### [Task details]
Your answer must hold only the lines below from the line containing "#138=IFCINDEXEDPOLYGONALFACE((28,30,66,64));" through the line containing "#10=IFCLOCALPLACEMENT(#9,#2);", each reproduced exactly.

#### Exercise input

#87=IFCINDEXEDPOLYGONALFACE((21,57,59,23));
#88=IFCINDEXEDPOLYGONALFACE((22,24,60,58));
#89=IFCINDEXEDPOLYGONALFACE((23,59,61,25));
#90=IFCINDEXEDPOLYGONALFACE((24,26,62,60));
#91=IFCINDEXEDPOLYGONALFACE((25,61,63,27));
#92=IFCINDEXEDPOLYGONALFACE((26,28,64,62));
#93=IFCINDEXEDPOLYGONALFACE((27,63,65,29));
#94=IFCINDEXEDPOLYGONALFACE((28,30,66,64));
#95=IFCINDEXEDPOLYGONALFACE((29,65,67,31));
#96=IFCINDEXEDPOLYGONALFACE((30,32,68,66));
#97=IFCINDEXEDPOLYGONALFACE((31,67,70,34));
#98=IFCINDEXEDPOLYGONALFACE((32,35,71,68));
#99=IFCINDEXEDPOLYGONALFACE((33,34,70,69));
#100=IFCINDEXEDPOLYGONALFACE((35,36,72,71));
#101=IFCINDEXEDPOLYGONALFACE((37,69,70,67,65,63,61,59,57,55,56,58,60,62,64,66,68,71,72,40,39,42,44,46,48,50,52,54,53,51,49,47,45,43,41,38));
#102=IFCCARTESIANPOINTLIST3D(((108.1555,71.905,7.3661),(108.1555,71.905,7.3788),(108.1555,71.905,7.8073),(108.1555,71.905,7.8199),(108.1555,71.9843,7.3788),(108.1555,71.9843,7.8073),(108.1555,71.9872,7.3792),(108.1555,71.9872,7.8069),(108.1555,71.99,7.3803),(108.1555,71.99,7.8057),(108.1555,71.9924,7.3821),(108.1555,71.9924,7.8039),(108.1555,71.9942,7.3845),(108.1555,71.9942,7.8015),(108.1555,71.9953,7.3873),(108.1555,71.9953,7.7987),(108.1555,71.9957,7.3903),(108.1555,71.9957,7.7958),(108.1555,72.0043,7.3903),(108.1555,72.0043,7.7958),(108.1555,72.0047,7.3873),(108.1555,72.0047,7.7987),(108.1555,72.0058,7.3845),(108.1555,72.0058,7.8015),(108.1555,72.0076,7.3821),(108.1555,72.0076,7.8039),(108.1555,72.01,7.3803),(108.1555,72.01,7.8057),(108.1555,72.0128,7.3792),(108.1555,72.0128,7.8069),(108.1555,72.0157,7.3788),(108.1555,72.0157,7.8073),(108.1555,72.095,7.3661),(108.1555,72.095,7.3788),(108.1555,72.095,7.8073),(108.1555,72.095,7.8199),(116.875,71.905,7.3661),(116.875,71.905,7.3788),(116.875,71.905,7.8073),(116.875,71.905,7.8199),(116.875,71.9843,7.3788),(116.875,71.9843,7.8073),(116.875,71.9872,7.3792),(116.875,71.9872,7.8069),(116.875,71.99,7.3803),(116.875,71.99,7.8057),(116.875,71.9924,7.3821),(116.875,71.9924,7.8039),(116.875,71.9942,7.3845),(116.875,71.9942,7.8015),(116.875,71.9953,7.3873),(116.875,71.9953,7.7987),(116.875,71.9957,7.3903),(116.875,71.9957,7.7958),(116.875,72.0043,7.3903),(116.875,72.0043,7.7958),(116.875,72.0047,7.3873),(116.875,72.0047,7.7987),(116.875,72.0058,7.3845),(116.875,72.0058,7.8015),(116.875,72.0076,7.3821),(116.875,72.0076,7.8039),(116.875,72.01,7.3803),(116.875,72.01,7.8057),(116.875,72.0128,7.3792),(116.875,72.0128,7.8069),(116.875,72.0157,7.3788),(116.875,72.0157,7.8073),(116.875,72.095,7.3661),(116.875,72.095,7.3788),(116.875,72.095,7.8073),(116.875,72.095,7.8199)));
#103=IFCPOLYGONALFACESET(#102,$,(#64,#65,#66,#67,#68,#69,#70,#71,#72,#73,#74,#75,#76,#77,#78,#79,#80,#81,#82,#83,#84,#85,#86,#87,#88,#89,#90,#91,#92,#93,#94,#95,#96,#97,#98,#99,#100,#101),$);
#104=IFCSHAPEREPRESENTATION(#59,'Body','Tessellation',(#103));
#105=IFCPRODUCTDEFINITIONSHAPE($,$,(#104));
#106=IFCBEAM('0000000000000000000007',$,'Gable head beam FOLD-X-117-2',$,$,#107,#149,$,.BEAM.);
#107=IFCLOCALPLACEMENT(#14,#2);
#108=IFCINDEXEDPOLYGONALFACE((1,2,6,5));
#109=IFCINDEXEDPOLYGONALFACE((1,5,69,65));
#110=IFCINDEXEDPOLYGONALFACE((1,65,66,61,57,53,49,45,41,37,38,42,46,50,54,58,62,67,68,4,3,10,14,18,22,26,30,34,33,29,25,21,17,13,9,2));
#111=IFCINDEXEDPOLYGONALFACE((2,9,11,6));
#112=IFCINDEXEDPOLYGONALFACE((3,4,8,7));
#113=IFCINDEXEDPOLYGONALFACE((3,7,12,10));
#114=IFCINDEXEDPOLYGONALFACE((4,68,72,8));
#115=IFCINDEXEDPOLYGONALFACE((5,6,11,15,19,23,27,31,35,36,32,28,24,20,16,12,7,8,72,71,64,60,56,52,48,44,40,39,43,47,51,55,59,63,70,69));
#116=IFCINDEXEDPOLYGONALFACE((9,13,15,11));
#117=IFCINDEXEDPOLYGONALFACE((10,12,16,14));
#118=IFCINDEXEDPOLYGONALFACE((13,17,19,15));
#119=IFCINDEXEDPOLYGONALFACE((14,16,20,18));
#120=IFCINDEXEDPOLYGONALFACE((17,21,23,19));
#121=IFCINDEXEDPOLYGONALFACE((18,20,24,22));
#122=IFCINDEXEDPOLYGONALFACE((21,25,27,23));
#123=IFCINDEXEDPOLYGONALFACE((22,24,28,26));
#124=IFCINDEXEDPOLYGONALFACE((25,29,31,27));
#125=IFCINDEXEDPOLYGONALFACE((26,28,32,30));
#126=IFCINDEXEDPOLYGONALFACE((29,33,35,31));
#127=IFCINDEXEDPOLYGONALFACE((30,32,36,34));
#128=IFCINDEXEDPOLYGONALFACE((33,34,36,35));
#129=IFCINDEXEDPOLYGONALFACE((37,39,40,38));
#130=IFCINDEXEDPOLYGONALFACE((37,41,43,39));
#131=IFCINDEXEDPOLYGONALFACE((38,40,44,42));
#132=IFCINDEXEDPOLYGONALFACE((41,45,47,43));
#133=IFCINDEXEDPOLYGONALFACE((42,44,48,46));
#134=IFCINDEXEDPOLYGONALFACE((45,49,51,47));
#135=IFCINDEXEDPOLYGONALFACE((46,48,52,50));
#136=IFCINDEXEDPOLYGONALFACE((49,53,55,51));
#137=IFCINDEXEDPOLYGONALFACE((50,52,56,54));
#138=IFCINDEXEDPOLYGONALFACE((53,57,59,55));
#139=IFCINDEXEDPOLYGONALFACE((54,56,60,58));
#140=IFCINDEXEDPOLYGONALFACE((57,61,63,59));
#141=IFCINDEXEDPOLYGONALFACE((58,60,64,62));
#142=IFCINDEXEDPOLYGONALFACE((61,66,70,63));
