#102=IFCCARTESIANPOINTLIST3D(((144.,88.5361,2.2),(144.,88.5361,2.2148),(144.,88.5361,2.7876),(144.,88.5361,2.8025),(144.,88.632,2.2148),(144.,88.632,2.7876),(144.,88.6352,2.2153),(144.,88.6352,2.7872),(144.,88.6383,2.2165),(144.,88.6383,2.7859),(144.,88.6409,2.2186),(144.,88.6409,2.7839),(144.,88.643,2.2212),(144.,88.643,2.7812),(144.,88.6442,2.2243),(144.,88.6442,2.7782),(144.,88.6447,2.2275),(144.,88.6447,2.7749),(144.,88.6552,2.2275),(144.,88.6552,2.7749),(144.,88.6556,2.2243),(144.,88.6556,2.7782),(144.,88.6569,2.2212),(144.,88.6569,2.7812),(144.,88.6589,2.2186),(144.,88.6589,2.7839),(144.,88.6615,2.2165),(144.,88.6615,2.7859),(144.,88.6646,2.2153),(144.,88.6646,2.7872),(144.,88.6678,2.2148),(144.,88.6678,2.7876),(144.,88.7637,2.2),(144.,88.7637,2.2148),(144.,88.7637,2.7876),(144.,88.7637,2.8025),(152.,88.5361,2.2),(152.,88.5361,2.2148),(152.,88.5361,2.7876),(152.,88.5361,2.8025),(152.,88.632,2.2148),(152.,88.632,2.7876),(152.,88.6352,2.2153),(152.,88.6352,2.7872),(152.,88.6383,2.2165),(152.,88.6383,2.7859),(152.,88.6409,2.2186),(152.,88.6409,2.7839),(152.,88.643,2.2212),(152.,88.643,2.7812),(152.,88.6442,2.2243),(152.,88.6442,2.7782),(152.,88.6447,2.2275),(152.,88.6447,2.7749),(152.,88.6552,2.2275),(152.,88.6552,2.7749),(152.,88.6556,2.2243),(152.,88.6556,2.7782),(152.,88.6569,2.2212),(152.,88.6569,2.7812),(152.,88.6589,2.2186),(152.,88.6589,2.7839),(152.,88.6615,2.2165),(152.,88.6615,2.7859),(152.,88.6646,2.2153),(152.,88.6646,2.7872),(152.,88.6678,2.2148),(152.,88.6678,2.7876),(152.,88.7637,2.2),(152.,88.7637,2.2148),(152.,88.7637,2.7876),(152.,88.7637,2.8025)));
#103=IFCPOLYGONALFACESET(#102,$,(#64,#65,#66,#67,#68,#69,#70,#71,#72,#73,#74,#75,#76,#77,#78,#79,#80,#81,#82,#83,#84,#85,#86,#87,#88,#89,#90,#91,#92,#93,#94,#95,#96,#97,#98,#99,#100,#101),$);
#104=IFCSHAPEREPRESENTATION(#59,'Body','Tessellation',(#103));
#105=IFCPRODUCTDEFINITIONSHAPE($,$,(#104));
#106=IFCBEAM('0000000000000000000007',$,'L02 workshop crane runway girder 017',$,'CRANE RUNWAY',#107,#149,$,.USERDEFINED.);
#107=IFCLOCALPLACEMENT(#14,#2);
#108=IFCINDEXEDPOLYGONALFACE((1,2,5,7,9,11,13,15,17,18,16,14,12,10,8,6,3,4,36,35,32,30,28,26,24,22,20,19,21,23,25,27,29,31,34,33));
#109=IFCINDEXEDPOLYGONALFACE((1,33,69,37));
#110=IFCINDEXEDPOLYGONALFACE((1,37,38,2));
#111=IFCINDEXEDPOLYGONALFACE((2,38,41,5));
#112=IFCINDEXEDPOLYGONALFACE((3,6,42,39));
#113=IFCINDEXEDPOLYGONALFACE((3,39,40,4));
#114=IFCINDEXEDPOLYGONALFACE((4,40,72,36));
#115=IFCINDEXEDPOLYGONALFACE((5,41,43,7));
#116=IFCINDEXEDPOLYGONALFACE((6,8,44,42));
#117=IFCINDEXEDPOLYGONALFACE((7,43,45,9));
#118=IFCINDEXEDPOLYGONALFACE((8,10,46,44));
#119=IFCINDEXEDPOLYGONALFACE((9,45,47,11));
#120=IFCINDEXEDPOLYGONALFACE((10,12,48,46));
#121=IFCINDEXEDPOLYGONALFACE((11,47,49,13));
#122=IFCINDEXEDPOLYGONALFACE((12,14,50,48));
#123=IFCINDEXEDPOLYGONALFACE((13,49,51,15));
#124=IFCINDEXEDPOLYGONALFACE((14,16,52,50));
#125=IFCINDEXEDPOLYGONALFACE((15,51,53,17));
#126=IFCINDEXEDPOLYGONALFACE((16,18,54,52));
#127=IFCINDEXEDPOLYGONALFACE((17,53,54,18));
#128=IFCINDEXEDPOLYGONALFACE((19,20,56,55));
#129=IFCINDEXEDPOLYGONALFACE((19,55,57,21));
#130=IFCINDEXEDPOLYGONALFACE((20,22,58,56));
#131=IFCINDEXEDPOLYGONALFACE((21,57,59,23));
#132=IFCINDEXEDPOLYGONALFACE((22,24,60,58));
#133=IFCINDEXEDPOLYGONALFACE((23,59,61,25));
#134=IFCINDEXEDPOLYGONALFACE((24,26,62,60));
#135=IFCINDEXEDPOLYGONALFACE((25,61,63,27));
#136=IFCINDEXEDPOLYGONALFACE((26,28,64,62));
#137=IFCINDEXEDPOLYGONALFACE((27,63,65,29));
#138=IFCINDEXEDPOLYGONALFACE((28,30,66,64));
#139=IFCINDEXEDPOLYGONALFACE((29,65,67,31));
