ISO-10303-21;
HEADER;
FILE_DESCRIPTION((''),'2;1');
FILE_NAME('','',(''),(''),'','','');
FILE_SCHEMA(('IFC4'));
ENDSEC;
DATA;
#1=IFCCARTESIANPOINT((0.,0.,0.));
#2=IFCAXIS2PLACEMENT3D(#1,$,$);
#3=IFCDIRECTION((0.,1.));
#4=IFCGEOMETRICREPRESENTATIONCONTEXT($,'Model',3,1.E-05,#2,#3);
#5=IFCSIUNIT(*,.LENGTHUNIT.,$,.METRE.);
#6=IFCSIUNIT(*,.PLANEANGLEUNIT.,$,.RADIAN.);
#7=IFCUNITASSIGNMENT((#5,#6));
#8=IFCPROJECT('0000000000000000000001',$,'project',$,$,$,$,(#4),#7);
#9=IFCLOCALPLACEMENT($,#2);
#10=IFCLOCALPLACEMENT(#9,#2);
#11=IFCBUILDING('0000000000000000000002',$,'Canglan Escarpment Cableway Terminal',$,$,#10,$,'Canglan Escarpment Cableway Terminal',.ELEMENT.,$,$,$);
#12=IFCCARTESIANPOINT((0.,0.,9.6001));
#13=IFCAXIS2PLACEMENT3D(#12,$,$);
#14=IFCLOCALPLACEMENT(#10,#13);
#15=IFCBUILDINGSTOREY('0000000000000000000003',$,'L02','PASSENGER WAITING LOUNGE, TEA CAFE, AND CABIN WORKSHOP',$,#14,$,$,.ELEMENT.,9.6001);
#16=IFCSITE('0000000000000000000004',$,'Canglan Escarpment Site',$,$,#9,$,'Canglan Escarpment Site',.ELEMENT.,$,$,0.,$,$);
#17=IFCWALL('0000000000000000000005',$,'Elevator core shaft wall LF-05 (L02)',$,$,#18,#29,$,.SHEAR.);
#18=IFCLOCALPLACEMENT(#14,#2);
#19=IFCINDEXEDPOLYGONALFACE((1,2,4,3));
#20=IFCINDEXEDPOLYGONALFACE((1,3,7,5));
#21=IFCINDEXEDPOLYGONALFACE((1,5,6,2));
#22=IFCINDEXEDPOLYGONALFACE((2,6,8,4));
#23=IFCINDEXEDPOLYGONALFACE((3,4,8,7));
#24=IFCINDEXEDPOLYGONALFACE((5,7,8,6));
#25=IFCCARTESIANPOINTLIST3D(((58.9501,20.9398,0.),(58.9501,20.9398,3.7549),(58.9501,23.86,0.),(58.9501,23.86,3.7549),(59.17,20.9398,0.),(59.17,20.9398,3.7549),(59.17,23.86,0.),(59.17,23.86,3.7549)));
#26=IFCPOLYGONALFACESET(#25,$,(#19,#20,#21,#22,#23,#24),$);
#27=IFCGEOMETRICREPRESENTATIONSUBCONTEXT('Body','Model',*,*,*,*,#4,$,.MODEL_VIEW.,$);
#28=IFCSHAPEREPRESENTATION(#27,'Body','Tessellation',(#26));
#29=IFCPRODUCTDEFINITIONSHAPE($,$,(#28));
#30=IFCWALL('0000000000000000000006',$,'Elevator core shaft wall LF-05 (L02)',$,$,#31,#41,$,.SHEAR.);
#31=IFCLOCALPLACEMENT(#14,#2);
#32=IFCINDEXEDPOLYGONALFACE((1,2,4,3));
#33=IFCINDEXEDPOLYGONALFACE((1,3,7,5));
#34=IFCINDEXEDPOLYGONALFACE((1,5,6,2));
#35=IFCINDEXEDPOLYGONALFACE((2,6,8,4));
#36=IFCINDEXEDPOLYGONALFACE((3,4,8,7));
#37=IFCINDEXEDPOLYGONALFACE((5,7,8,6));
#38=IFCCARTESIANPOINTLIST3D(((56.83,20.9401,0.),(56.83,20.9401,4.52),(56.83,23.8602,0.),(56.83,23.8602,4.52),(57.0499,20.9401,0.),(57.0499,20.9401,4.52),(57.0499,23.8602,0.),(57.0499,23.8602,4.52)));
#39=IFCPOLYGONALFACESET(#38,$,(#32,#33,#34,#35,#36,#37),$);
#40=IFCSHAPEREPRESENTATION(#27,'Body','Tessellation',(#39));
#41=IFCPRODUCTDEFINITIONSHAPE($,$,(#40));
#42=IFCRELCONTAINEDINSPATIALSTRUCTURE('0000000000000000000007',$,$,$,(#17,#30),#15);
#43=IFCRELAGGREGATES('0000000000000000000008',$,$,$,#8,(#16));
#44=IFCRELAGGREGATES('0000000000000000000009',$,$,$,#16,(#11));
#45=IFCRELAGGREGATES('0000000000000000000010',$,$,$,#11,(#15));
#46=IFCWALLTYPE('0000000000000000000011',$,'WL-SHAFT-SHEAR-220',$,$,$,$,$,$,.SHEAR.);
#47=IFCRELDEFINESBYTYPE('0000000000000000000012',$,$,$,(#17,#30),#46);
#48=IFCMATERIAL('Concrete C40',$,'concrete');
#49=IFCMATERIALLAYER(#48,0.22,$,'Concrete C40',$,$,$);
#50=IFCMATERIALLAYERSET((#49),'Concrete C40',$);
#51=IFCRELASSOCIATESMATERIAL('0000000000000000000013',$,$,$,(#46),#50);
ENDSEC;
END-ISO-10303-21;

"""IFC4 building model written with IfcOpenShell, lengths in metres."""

from ifc_helpers import new_model, si_unit, direction, frame, frame_2d, origin, place, context, subcontext, project, spatial, rectangle, extrude, material, layer, layer_set, type_object, element, save


model = new_model("IFC4")

# Units and contexts
model_context = context("Model", 3, precision=1e-05, world=origin(), true_north=direction((0.0, 1.0)))
body_context = subcontext(model_context, "Body", "Model", "MODEL_VIEW")
ifc_project = project(units=[si_unit("LENGTHUNIT", "METRE"), si_unit("PLANEANGLEUNIT", "RADIAN")], contexts=[model_context])

# Site, building, storey
site_placement = place(None, origin())
site = spatial("IfcSite", under=ifc_project, at=site_placement, Name="Canglan Escarpment Site", LongName="Canglan Escarpment Site", CompositionType="ELEMENT", RefElevation=0.0)
building_placement = place(site_placement, origin())
building = spatial("IfcBuilding", under=site, at=building_placement, Name="Canglan Escarpment Cableway Terminal", LongName="Canglan Escarpment Cableway Terminal", CompositionType="ELEMENT")
storey_placement = place(building_placement, frame((0.0, 0.0, 9.6001)))
storey = spatial("IfcBuildingStorey", under=building, at=storey_placement, Name="L02", Description="PASSENGER WAITING LOUNGE, TEA CAFE, AND CABIN WORKSHOP", CompositionType="ELEMENT", Elevation=9.6001)

# Shared definitions
ifc_material_1 = material(Name="Concrete C40", Category="concrete")
ifc_layer_1 = layer(ifc_material_1, 0.22, Name="Concrete C40")
ifc_layer_set_1 = layer_set([ifc_layer_1], Name="Concrete C40")
wall_type = type_object("IfcWallType", Name="WL-SHAFT-SHEAR-220", PredefinedType="SHEAR", material=ifc_layer_set_1)

# Walls
wall_1_placement = place(storey_placement, frame((59.0601, 20.9399, 0.0), z_axis=(0.0, 0.0, 1.0), x_axis=(0.0, 1.0, 0.0)))
element("IfcWall", 1, at=wall_1_placement, inside=storey, type_object=wall_type, Name="Elevator core shaft wall LF-05 (L02)", PredefinedType="SHEAR", context=body_context, shape_type="SweptSolid", body=[
    extrude(rectangle(XDim=2.9202, YDim=0.22, at=frame_2d((1.46, 0.0))), origin(), (0.0, 0.0, 1.0), 3.7549),
])
wall_2_placement = place(storey_placement, frame((56.9399, 23.8601, 0.0), z_axis=(0.0, 0.0, 1.0), x_axis=(0.0, -1.0, 0.0)))
element("IfcWall", 2, at=wall_2_placement, inside=storey, type_object=wall_type, Name="Elevator core shaft wall LF-05 (L02)", PredefinedType="SHEAR", context=body_context, shape_type="SweptSolid", body=[
    extrude(rectangle(XDim=2.9202, YDim=0.22, at=frame_2d((1.46, 0.0))), origin(), (0.0, 0.0, 1.0), 4.52),
])

save(model, "model.ifc")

########

### [Output of the task]
#138=IFCINDEXEDPOLYGONALFACE((28,30,66,64));
#139=IFCINDEXEDPOLYGONALFACE((29,65,67,31));
ISO-10303-21;
HEADER;
FILE_DESCRIPTION((''),'2;1');
FILE_NAME('','',(''),(''),'','','');
FILE_SCHEMA(('IFC4'));
ENDSEC;
DATA;
#1=IFCCARTESIANPOINT((0.,0.,0.));
#2=IFCAXIS2PLACEMENT3D(#1,$,$);
#3=IFCDIRECTION((0.,1.));
#4=IFCGEOMETRICREPRESENTATIONCONTEXT($,'Model',3,1.E-05,#2,#3);
#5=IFCSIUNIT(*,.LENGTHUNIT.,$,.METRE.);
#6=IFCSIUNIT(*,.PLANEANGLEUNIT.,$,.RADIAN.);
#7=IFCUNITASSIGNMENT((#5,#6));
#8=IFCPROJECT('0000000000000000000001',$,'project',$,$,$,$,(#4),#7);
#9=IFCLOCALPLACEMENT($,#2);
#10=IFCLOCALPLACEMENT(#9,#2);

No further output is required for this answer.